• What you will do: Determine how many lines in these records hold "IFCMEMBERTYPE". Only the number is wanted.

• Excerpted records:
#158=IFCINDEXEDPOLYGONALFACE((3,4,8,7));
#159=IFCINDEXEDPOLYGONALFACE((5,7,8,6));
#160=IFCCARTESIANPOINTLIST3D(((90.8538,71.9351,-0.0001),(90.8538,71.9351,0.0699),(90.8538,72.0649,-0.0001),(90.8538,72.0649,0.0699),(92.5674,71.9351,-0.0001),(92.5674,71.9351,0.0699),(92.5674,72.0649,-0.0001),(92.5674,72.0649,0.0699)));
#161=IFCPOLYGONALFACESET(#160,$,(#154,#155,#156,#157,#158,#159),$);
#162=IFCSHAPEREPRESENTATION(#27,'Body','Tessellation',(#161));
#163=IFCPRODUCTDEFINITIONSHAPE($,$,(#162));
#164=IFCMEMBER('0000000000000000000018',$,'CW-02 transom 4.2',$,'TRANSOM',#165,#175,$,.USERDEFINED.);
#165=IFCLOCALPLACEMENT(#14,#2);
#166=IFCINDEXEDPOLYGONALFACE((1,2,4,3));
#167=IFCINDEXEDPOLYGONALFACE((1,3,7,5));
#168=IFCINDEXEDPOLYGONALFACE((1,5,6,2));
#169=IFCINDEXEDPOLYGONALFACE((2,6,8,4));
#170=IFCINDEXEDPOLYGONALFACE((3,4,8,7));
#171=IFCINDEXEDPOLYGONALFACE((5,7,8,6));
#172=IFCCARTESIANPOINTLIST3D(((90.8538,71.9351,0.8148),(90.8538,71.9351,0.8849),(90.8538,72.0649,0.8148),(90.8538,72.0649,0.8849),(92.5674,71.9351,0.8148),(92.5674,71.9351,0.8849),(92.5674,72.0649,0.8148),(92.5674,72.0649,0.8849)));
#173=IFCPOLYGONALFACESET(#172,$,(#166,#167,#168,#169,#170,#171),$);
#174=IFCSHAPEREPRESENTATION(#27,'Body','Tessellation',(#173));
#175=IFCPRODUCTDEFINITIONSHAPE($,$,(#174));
...
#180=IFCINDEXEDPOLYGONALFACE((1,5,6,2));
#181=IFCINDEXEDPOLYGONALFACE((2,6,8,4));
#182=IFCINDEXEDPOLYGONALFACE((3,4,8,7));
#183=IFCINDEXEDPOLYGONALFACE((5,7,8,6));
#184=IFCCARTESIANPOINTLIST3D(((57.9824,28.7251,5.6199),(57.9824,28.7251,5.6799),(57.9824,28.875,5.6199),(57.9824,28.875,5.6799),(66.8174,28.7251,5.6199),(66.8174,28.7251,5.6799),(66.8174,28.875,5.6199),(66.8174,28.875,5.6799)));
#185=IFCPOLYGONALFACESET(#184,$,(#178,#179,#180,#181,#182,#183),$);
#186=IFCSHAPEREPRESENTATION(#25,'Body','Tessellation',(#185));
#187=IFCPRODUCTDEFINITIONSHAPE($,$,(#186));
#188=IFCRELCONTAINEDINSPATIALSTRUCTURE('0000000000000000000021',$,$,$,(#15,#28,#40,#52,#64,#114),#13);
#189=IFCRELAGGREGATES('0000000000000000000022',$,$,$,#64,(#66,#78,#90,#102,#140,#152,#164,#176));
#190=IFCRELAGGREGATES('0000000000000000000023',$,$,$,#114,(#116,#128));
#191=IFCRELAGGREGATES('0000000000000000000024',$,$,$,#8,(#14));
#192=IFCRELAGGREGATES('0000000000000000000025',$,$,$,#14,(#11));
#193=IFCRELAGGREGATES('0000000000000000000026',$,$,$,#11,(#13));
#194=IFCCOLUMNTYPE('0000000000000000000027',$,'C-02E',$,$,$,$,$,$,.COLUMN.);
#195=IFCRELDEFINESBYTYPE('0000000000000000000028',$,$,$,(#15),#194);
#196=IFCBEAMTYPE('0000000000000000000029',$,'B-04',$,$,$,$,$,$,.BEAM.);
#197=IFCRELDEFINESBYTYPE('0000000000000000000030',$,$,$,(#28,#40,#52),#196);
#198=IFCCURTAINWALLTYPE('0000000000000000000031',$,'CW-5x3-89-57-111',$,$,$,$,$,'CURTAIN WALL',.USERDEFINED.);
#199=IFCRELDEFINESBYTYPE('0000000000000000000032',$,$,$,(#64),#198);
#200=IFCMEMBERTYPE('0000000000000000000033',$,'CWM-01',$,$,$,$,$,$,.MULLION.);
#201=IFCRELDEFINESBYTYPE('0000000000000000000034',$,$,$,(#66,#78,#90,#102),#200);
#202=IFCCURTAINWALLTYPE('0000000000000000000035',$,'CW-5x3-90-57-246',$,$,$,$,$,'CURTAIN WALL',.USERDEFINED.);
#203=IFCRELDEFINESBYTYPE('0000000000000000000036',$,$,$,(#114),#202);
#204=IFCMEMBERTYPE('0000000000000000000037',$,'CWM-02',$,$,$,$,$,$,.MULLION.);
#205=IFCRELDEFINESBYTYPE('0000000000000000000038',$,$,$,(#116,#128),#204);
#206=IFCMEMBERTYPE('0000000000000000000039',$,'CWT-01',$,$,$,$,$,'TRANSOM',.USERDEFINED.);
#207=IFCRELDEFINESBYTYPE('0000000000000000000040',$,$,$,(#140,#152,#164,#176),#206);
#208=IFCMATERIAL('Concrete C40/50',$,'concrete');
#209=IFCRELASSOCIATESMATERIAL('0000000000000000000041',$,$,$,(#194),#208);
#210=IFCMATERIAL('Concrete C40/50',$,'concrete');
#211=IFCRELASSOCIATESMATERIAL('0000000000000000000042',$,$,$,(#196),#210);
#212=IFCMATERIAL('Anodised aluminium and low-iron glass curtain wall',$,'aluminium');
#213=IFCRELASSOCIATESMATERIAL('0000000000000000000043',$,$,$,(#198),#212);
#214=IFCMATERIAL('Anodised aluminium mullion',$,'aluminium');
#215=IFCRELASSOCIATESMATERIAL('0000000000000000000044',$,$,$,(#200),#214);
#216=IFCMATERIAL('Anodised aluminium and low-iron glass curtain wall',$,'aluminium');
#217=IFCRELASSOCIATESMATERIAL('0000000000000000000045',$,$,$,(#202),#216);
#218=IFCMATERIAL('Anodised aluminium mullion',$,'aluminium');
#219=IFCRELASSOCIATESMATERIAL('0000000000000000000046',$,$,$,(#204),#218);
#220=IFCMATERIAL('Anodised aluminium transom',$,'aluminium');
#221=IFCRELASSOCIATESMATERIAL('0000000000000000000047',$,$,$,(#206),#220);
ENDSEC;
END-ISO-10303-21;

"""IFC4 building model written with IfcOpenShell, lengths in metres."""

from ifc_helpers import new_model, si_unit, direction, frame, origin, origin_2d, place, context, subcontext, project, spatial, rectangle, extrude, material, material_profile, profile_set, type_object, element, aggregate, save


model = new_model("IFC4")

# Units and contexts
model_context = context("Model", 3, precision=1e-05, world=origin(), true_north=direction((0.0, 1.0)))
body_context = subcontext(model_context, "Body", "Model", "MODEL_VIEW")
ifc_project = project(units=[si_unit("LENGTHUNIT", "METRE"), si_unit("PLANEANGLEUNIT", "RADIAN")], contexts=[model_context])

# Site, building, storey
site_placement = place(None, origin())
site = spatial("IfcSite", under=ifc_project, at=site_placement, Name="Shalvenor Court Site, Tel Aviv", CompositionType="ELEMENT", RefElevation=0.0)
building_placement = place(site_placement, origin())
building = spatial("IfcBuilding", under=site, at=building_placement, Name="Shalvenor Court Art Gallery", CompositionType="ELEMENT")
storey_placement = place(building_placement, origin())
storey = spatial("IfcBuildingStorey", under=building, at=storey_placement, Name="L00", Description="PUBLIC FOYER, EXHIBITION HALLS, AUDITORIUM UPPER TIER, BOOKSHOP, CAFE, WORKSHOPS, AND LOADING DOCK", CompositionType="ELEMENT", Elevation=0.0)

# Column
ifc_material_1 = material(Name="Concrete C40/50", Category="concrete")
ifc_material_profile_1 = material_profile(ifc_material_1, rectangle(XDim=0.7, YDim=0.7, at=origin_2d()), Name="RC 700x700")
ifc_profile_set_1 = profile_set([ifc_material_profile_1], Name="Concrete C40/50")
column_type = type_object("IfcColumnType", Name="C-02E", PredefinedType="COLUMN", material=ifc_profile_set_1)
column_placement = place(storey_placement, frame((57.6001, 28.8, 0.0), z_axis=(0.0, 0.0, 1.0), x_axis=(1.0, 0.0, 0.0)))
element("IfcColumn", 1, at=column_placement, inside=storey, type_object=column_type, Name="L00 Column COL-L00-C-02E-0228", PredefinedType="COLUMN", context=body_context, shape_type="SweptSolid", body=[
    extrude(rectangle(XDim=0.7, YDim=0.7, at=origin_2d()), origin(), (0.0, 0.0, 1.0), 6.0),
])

• Your solution: 3